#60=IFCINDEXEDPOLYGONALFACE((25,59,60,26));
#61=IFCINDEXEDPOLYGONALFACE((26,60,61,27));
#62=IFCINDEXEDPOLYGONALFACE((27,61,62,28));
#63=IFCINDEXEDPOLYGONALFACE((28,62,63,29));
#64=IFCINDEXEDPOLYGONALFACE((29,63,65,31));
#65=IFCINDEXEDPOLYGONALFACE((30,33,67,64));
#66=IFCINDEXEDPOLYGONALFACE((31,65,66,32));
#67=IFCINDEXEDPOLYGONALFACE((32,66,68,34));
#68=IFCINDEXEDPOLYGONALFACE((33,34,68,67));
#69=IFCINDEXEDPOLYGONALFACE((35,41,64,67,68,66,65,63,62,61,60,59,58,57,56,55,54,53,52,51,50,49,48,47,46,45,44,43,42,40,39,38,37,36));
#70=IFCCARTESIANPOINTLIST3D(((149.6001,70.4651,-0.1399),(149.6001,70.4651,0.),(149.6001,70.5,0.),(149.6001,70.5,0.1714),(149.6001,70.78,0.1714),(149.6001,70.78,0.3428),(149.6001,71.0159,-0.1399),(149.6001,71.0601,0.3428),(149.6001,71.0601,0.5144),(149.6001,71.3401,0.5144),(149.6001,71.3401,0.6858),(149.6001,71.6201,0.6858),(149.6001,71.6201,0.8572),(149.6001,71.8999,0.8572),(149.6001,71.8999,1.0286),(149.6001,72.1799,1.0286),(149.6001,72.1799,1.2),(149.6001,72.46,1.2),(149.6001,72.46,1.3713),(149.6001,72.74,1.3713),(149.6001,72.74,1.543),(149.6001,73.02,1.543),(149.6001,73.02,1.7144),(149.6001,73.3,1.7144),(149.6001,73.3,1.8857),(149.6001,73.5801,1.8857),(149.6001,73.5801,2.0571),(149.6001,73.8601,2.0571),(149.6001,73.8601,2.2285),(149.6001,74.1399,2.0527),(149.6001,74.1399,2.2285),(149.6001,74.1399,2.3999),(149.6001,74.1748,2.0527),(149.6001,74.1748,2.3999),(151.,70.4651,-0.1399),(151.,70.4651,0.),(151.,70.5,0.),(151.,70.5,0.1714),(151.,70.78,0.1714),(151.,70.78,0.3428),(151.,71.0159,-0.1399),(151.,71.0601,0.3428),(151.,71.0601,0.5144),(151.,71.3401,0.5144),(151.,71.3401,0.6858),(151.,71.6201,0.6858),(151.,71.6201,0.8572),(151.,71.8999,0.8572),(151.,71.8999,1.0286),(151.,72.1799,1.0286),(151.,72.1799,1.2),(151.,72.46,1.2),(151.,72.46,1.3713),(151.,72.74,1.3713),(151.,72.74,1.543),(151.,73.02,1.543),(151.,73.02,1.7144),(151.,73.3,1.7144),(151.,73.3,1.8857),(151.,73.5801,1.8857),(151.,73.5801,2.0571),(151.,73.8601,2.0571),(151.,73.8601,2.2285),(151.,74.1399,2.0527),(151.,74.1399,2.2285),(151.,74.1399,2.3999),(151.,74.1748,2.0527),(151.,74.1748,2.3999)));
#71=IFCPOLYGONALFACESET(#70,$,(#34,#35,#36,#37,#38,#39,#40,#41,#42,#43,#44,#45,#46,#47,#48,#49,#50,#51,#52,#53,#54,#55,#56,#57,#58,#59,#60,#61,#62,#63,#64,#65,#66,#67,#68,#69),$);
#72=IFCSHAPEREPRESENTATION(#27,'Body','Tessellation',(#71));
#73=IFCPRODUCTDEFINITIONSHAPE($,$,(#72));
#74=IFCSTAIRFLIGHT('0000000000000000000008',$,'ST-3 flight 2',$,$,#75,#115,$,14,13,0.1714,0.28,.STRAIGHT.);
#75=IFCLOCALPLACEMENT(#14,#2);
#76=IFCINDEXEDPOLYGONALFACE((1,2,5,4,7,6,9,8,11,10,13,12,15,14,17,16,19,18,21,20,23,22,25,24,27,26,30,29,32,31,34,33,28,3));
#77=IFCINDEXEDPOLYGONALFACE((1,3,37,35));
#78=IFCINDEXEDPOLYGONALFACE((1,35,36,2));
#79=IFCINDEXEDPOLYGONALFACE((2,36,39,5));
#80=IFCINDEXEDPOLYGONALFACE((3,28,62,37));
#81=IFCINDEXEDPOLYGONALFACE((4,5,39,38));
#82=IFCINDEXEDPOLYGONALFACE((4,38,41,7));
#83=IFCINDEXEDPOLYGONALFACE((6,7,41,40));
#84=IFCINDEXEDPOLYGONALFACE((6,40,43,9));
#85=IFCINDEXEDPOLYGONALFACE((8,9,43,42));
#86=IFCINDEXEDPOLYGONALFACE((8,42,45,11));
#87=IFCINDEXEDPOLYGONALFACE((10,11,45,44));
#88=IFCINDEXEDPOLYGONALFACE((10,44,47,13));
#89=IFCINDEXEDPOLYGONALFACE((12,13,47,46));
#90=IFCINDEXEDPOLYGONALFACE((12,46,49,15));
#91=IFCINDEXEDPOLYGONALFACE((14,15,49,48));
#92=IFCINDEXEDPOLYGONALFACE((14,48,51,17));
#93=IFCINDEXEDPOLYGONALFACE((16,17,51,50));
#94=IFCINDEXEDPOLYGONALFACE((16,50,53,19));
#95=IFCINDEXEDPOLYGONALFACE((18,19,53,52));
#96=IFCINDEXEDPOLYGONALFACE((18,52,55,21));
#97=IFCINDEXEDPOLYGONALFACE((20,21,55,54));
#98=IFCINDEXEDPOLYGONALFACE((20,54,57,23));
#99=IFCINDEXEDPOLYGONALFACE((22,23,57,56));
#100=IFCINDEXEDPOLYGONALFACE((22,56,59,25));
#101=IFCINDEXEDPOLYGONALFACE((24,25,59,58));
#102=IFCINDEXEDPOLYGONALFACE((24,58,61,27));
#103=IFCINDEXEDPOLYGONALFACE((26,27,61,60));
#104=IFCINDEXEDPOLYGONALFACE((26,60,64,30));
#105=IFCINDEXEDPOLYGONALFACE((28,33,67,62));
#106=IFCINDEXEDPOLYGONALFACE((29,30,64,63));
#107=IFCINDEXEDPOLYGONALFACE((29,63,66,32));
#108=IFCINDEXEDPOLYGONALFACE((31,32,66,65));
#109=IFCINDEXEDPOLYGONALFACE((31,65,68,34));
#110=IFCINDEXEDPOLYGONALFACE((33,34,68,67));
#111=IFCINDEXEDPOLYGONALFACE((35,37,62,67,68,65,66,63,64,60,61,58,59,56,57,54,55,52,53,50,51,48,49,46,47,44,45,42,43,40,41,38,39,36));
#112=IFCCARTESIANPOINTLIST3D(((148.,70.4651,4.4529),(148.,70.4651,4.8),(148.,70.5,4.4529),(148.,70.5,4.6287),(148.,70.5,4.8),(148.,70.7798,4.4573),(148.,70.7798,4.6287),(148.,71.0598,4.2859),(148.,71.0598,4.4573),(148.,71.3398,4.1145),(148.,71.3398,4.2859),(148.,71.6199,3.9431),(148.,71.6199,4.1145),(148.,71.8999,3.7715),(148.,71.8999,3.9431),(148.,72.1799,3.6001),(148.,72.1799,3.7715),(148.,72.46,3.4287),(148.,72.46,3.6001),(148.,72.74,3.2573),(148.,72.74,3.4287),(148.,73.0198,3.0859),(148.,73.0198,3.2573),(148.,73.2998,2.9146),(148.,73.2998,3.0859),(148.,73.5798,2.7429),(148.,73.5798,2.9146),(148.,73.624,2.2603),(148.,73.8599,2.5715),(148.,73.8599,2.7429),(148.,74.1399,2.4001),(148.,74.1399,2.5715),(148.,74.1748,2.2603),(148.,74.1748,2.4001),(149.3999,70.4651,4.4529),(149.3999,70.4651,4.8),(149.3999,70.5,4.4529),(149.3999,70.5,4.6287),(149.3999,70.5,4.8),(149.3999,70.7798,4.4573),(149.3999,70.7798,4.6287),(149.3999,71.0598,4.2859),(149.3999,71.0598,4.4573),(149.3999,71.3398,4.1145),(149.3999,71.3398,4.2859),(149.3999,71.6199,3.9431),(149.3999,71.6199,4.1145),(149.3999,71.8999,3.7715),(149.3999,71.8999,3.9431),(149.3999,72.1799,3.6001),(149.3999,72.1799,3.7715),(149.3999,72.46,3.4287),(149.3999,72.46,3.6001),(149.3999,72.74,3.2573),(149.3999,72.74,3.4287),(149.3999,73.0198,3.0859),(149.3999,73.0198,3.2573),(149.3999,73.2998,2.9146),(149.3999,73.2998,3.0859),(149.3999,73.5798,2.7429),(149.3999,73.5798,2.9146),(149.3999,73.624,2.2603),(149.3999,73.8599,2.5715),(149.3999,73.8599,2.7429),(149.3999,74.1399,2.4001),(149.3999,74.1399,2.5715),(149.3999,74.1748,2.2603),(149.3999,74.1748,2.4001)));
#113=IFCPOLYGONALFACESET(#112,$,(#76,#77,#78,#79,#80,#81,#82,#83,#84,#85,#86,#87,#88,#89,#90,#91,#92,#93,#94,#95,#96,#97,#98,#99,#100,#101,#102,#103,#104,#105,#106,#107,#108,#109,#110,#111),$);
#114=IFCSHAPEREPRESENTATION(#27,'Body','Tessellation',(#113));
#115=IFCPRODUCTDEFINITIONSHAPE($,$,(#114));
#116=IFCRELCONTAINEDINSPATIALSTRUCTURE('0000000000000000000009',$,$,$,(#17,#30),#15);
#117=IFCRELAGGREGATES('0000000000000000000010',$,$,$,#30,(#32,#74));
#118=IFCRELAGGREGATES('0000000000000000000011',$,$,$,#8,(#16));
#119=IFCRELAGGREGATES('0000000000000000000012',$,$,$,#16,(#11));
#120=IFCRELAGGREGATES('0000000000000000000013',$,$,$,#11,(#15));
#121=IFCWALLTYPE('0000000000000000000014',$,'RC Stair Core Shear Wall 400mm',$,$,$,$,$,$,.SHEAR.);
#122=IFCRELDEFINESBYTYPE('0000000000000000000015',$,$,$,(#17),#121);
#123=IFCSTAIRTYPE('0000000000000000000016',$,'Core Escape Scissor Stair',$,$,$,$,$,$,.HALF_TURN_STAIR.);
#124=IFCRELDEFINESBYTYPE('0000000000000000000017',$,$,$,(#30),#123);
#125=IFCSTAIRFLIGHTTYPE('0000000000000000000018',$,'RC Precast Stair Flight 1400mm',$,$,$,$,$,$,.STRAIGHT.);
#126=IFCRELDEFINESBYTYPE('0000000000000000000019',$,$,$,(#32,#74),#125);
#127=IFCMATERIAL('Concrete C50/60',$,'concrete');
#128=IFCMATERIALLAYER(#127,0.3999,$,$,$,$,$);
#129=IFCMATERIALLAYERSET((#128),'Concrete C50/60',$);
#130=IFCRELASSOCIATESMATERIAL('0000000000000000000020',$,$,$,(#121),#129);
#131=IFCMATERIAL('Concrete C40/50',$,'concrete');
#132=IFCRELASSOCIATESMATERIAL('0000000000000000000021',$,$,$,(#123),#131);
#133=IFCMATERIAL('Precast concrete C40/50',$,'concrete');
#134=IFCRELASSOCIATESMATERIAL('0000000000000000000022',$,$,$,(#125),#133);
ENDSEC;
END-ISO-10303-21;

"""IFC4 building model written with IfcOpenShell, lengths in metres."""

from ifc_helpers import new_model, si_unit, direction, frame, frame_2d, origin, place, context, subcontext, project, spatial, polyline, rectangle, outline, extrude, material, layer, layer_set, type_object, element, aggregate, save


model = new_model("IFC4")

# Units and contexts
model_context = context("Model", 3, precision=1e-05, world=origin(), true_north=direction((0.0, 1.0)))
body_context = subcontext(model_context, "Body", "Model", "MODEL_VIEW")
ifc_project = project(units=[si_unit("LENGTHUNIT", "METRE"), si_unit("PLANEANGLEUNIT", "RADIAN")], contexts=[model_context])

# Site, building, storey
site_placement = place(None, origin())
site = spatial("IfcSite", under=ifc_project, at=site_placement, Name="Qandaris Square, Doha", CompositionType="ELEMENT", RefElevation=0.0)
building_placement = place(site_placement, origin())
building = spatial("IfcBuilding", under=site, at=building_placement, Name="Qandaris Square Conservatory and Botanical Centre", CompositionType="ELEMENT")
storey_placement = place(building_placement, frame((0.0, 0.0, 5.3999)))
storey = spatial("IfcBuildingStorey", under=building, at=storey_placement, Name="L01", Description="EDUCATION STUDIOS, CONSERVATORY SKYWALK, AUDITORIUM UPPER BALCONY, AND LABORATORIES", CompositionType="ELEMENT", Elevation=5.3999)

= TASK DESCRIPTION =
Looking at the data above, write out exactly the lines that start at the one containing "#79=IFCINDEXEDPOLYGONALFACE((2,36,39,5));" and end at the one containing "#106=IFCINDEXEDPOLYGONALFACE((29,30,64,63));"; include both and nothing beyond.

= ANSWER FOR THE TASK =
#79=IFCINDEXEDPOLYGONALFACE((2,36,39,5));
#80=IFCINDEXEDPOLYGONALFACE((3,28,62,37));
#81=IFCINDEXEDPOLYGONALFACE((4,5,39,38));
#82=IFCINDEXEDPOLYGONALFACE((4,38,41,7));
#83=IFCINDEXEDPOLYGONALFACE((6,7,41,40));
#84=IFCINDEXEDPOLYGONALFACE((6,40,43,9));
#85=IFCINDEXEDPOLYGONALFACE((8,9,43,42));
#86=IFCINDEXEDPOLYGONALFACE((8,42,45,11));
#87=IFCINDEXEDPOLYGONALFACE((10,11,45,44));
#88=IFCINDEXEDPOLYGONALFACE((10,44,47,13));
#89=IFCINDEXEDPOLYGONALFACE((12,13,47,46));
#90=IFCINDEXEDPOLYGONALFACE((12,46,49,15));
#91=IFCINDEXEDPOLYGONALFACE((14,15,49,48));
#92=IFCINDEXEDPOLYGONALFACE((14,48,51,17));
#93=IFCINDEXEDPOLYGONALFACE((16,17,51,50));
#94=IFCINDEXEDPOLYGONALFACE((16,50,53,19));
#95=IFCINDEXEDPOLYGONALFACE((18,19,53,52));
#96=IFCINDEXEDPOLYGONALFACE((18,52,55,21));
#97=IFCINDEXEDPOLYGONALFACE((20,21,55,54));
#98=IFCINDEXEDPOLYGONALFACE((20,54,57,23));
#99=IFCINDEXEDPOLYGONALFACE((22,23,57,56));
#100=IFCINDEXEDPOLYGONALFACE((22,56,59,25));
#101=IFCINDEXEDPOLYGONALFACE((24,25,59,58));
#102=IFCINDEXEDPOLYGONALFACE((24,58,61,27));
#103=IFCINDEXEDPOLYGONALFACE((26,27,61,60));
#104=IFCINDEXEDPOLYGONALFACE((26,60,64,30));
#105=IFCINDEXEDPOLYGONALFACE((28,33,67,62));
#106=IFCINDEXEDPOLYGONALFACE((29,30,64,63));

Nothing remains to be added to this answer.